- [Task instructions]: Only the lines from the top of the data through the line with "#14=IFCLOCALPLACEMENT(#10,#13);" should be repeated, each exactly as written.

- [Data under study]:
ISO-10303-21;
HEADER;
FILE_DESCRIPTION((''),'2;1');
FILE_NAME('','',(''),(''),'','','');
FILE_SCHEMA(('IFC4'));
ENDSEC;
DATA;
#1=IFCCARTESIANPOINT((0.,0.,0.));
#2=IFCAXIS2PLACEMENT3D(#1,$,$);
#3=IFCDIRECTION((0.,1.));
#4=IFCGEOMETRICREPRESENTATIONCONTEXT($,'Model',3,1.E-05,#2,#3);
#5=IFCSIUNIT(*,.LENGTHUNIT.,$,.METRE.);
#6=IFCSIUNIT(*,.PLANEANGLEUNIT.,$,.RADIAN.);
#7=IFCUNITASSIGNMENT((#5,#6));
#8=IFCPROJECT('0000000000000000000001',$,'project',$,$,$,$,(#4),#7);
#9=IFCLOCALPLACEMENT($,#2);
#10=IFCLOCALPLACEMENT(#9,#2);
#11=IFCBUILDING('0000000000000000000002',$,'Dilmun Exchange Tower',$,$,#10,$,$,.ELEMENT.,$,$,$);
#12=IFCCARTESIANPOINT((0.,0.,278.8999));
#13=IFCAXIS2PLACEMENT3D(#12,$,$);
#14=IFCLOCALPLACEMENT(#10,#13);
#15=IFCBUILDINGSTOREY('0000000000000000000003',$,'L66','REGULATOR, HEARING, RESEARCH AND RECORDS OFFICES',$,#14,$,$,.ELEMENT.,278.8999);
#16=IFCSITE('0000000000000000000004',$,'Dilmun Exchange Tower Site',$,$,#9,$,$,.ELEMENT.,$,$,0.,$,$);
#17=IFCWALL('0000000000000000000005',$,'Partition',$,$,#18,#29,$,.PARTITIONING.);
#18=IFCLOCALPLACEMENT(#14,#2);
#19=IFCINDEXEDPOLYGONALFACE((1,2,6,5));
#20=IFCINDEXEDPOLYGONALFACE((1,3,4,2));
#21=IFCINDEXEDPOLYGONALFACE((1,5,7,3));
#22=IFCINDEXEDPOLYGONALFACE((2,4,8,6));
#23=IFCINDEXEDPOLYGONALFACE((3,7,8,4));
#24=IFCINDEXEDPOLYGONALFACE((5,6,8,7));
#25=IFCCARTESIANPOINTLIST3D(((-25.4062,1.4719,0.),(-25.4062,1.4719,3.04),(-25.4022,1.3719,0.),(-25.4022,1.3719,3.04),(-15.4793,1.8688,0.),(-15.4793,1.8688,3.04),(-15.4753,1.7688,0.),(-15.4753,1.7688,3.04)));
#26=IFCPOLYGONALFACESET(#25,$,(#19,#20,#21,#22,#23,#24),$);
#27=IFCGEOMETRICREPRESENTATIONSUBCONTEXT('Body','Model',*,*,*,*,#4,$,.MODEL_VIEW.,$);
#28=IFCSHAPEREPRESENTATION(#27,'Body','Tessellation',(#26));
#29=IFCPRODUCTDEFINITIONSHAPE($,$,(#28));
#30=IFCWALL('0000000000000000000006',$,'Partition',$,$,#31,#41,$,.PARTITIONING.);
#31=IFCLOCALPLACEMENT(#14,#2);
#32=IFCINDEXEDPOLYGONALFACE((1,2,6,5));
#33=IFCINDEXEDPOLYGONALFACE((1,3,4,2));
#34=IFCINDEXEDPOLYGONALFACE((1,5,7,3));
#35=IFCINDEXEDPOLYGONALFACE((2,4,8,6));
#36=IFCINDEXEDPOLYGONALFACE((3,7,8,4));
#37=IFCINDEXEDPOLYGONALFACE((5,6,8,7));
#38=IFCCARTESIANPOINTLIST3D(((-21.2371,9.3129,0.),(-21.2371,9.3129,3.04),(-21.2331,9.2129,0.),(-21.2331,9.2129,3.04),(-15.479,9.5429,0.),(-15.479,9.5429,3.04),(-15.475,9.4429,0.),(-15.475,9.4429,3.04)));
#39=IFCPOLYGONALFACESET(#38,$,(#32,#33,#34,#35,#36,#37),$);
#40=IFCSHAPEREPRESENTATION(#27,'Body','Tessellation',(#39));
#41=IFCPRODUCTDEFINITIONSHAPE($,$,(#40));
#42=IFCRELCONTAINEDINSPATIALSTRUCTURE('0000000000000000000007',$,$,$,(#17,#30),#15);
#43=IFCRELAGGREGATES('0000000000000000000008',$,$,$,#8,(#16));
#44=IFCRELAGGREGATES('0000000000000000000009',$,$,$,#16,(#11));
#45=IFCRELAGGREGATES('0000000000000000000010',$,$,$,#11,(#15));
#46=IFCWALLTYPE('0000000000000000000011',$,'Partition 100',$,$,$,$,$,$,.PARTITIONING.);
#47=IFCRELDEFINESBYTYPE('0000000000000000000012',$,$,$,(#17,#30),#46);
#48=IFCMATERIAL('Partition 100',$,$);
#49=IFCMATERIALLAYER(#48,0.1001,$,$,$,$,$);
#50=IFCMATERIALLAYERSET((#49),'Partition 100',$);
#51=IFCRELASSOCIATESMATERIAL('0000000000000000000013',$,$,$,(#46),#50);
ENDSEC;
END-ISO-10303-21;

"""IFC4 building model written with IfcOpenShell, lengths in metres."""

from ifc_helpers import new_model, si_unit, direction, frame, frame_2d, origin, place, context, subcontext, project, spatial, rectangle, extrude, material, layer, layer_set, type_object, element, save


model = new_model("IFC4")

# Units and contexts
model_context = context("Model", 3, precision=1e-05, world=origin(), true_north=direction((0.0, 1.0)))
body_context = subcontext(model_context, "Body", "Model", "MODEL_VIEW")
ifc_project = project(units=[si_unit("LENGTHUNIT", "METRE"), si_unit("PLANEANGLEUNIT", "RADIAN")], contexts=[model_context])

# Site, building, storey
site_placement = place(None, origin())
site = spatial("IfcSite", under=ifc_project, at=site_placement, Name="Dilmun Exchange Tower Site", CompositionType="ELEMENT", RefElevation=0.0)
building_placement = place(site_placement, origin())
building = spatial("IfcBuilding", under=site, at=building_placement, Name="Dilmun Exchange Tower", CompositionType="ELEMENT")
storey_placement = place(building_placement, frame((0.0, 0.0, 278.8999)))
storey = spatial("IfcBuildingStorey", under=building, at=storey_placement, Name="L66", Description="REGULATOR, HEARING, RESEARCH AND RECORDS OFFICES", CompositionType="ELEMENT", Elevation=278.8999)

# Walls
ifc_material_1 = material(Name="Partition 100")
ifc_layer_1 = layer(ifc_material_1, 0.1001)
ifc_layer_set_1 = layer_set([ifc_layer_1], Name="Partition 100")
wall_type_1 = type_object("IfcWallType", Name="Partition 100", PredefinedType="PARTITIONING", material=ifc_layer_set_1)
wall_1_placement = place(storey_placement, frame((-25.4041, 1.4219, 0.0), z_axis=(0.0, 0.0, 1.0), x_axis=(0.999201, 0.039957, 0.0)))
element("IfcWall", 1, at=wall_1_placement, inside=storey, type_object=wall_type_1, Name="Partition", PredefinedType="PARTITIONING", context=body_context, shape_type="SweptSolid", body=[
    extrude(rectangle(XDim=9.9348, YDim=0.1001, at=frame_2d((4.9673, 0.0))), origin(), (0.0, 0.0, 1.0), 3.04),
])
wall_2_placement = place(storey_placement, frame((-21.2351, 9.2629, 0.0), z_axis=(0.0, 0.0, 1.0), x_axis=(0.999203, 0.039909, 0.0)))
element("IfcWall", 2, at=wall_2_placement, inside=storey, type_object=wall_type_1, Name="Partition", PredefinedType="PARTITIONING", context=body_context, shape_type="SweptSolid", body=[
    extrude(rectangle(XDim=5.7627, YDim=0.1001, at=frame_2d((2.8813, 0.0))), origin(), (0.0, 0.0, 1.0), 3.04),
])

save(model, "model.ifc")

- [Result for this task]:
ISO-10303-21;
HEADER;
FILE_DESCRIPTION((''),'2;1');
FILE_NAME('','',(''),(''),'','','');
FILE_SCHEMA(('IFC4'));
ENDSEC;
DATA;
#1=IFCCARTESIANPOINT((0.,0.,0.));
#2=IFCAXIS2PLACEMENT3D(#1,$,$);
#3=IFCDIRECTION((0.,1.));
#4=IFCGEOMETRICREPRESENTATIONCONTEXT($,'Model',3,1.E-05,#2,#3);
#5=IFCSIUNIT(*,.LENGTHUNIT.,$,.METRE.);
#6=IFCSIUNIT(*,.PLANEANGLEUNIT.,$,.RADIAN.);
#7=IFCUNITASSIGNMENT((#5,#6));
#8=IFCPROJECT('0000000000000000000001',$,'project',$,$,$,$,(#4),#7);
#9=IFCLOCALPLACEMENT($,#2);
#10=IFCLOCALPLACEMENT(#9,#2);
#11=IFCBUILDING('0000000000000000000002',$,'Dilmun Exchange Tower',$,$,#10,$,$,.ELEMENT.,$,$,$);
#12=IFCCARTESIANPOINT((0.,0.,278.8999));
#13=IFCAXIS2PLACEMENT3D(#12,$,$);
#14=IFCLOCALPLACEMENT(#10,#13);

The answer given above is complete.